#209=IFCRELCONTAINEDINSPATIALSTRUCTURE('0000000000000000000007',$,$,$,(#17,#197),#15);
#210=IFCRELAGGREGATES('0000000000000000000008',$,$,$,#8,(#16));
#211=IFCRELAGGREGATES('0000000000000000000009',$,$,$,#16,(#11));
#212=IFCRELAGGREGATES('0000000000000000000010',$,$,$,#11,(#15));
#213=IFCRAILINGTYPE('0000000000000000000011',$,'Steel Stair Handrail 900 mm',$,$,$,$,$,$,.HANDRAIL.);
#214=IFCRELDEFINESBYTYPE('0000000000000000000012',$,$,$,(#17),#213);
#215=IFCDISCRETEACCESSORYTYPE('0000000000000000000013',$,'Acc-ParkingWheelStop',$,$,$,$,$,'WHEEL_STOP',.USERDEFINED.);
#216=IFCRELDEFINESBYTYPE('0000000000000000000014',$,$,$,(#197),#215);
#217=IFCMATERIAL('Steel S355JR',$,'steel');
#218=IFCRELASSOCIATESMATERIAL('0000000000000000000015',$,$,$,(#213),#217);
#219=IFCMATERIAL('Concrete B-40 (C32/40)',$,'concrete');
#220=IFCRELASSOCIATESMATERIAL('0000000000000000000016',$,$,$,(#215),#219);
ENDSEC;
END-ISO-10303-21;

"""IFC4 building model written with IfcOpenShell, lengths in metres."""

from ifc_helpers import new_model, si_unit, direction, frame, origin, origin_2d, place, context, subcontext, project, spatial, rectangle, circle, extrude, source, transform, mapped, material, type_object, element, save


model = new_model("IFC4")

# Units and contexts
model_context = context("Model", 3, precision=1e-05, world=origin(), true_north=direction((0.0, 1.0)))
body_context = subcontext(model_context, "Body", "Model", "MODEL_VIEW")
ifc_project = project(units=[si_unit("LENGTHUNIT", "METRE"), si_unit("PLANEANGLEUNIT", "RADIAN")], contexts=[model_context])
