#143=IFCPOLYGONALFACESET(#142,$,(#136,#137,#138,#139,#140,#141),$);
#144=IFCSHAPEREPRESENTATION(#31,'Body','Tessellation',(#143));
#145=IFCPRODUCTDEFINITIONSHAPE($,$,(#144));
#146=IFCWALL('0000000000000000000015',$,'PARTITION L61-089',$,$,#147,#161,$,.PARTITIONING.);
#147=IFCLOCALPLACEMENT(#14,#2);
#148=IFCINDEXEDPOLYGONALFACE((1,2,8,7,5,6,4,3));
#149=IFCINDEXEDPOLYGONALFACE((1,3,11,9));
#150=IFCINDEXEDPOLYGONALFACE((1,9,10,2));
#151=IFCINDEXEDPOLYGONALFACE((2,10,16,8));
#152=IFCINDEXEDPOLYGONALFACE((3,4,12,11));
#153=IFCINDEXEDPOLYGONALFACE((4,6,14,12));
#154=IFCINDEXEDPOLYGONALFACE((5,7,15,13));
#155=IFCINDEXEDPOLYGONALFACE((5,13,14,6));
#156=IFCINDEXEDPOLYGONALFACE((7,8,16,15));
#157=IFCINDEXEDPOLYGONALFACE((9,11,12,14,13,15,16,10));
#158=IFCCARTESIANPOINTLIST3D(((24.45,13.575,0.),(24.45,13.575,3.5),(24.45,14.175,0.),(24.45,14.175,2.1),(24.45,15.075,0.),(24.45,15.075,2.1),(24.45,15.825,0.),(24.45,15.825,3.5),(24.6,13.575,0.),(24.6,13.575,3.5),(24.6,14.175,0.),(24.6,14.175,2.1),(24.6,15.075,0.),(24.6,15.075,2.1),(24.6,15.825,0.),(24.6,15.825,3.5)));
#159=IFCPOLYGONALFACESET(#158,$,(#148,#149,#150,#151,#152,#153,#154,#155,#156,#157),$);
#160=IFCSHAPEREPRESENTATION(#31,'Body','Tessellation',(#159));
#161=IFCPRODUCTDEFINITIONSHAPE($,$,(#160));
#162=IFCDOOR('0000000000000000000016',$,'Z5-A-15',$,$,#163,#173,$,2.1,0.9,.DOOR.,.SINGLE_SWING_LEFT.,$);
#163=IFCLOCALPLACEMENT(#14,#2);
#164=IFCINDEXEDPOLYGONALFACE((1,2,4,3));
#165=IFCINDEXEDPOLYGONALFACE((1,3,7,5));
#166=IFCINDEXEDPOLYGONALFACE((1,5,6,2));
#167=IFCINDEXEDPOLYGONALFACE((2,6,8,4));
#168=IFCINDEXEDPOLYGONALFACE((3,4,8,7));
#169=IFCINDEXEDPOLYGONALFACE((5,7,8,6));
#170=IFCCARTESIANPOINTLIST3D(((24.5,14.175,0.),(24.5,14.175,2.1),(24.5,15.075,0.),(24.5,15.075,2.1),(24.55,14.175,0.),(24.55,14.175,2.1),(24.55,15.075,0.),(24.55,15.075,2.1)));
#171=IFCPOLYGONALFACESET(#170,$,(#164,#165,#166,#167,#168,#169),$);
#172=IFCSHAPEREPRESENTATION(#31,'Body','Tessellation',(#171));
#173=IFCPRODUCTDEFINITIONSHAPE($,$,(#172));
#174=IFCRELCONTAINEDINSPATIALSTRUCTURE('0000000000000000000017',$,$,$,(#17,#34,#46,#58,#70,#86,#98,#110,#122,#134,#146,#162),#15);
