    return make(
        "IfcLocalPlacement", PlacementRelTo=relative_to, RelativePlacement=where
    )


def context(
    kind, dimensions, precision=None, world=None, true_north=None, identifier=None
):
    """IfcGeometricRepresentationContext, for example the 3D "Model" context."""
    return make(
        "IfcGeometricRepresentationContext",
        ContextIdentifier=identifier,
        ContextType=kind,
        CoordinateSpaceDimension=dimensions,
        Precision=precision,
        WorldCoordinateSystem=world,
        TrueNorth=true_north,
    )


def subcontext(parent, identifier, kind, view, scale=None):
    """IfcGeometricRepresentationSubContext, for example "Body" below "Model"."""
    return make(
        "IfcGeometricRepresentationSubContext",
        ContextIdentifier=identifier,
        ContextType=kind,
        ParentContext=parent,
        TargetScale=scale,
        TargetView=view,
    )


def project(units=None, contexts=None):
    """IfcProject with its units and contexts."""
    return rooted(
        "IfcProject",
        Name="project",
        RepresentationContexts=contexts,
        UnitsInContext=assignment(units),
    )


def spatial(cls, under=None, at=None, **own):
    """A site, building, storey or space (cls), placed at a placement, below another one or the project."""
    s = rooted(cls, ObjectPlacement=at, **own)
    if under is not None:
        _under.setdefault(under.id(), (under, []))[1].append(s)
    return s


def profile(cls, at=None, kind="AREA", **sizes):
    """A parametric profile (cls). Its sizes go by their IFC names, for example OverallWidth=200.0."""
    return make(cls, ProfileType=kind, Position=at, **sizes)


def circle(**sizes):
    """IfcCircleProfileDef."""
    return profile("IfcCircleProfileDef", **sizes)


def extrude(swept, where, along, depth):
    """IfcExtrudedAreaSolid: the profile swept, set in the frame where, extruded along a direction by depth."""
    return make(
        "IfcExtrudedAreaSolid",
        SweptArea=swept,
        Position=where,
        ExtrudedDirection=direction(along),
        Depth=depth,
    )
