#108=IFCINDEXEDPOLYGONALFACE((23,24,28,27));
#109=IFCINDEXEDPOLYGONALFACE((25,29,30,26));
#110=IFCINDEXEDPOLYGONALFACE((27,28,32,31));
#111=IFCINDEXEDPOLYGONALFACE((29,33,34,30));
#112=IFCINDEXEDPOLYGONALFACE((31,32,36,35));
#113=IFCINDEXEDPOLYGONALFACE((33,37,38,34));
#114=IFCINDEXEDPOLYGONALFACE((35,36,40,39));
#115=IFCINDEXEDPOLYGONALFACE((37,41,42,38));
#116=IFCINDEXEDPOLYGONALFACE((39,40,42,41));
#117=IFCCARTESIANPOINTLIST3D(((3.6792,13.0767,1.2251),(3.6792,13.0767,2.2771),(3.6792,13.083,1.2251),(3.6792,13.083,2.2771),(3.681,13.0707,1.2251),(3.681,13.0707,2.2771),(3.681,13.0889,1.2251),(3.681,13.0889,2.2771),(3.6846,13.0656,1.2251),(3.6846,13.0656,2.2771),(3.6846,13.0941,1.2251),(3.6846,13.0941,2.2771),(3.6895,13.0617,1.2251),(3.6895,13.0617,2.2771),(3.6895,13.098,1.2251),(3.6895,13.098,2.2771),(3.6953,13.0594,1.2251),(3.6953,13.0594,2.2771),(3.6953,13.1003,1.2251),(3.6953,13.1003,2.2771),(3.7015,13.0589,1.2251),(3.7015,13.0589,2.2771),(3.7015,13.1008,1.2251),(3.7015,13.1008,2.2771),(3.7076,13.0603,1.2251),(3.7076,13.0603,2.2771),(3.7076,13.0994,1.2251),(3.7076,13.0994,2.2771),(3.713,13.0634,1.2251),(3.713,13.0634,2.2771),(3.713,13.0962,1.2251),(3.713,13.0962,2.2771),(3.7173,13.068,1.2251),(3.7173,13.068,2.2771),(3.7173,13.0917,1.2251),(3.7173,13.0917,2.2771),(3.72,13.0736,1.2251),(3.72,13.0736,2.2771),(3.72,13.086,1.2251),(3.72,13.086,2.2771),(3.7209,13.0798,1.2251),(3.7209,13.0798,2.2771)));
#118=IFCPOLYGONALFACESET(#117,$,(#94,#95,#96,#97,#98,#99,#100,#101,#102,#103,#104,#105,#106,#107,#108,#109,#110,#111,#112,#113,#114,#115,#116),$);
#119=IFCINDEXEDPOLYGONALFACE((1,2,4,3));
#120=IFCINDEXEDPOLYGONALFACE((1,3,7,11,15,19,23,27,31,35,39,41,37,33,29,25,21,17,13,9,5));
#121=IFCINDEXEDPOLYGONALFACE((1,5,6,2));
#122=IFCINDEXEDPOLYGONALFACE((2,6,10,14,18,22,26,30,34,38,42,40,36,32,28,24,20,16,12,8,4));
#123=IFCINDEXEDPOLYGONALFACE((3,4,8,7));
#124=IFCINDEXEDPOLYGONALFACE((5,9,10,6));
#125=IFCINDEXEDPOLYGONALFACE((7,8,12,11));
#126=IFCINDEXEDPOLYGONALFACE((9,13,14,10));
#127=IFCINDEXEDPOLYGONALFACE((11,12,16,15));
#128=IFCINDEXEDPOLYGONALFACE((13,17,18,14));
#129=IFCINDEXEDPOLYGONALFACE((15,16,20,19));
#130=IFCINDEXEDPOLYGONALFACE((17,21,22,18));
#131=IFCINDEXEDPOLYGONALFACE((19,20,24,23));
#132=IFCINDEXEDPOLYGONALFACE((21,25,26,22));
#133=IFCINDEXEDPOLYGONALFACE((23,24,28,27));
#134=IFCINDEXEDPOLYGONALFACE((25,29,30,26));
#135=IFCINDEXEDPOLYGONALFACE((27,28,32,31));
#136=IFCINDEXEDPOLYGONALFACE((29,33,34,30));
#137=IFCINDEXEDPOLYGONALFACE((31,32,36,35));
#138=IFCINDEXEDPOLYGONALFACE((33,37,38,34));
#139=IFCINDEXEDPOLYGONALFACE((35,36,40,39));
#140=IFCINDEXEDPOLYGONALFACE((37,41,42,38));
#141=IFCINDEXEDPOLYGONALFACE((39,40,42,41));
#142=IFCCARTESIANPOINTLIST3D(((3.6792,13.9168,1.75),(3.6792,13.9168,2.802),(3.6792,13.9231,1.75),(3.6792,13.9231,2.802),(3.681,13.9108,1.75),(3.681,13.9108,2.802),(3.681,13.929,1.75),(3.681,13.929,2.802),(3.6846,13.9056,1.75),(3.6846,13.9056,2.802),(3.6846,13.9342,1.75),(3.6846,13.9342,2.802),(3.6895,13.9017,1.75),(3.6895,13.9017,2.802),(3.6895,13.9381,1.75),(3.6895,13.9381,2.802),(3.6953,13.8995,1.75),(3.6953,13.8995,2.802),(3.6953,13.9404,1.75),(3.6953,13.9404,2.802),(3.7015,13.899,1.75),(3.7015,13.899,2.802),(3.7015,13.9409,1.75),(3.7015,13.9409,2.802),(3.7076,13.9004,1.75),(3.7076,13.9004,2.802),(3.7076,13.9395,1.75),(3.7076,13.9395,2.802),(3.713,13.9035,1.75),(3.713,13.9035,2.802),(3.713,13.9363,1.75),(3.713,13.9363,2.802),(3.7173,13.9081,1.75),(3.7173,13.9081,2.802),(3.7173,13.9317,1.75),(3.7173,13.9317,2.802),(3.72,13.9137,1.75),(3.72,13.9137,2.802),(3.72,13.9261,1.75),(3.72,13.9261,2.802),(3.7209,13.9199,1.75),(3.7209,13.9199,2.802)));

### Exercise details
Please show every line above that includes the word "IFCMATERIAL".

### Reply to the task
#217=IFCMATERIAL('Steel S355JR',$,'steel');
#219=IFCMATERIAL('Concrete B-40 (C32/40)',$,'concrete');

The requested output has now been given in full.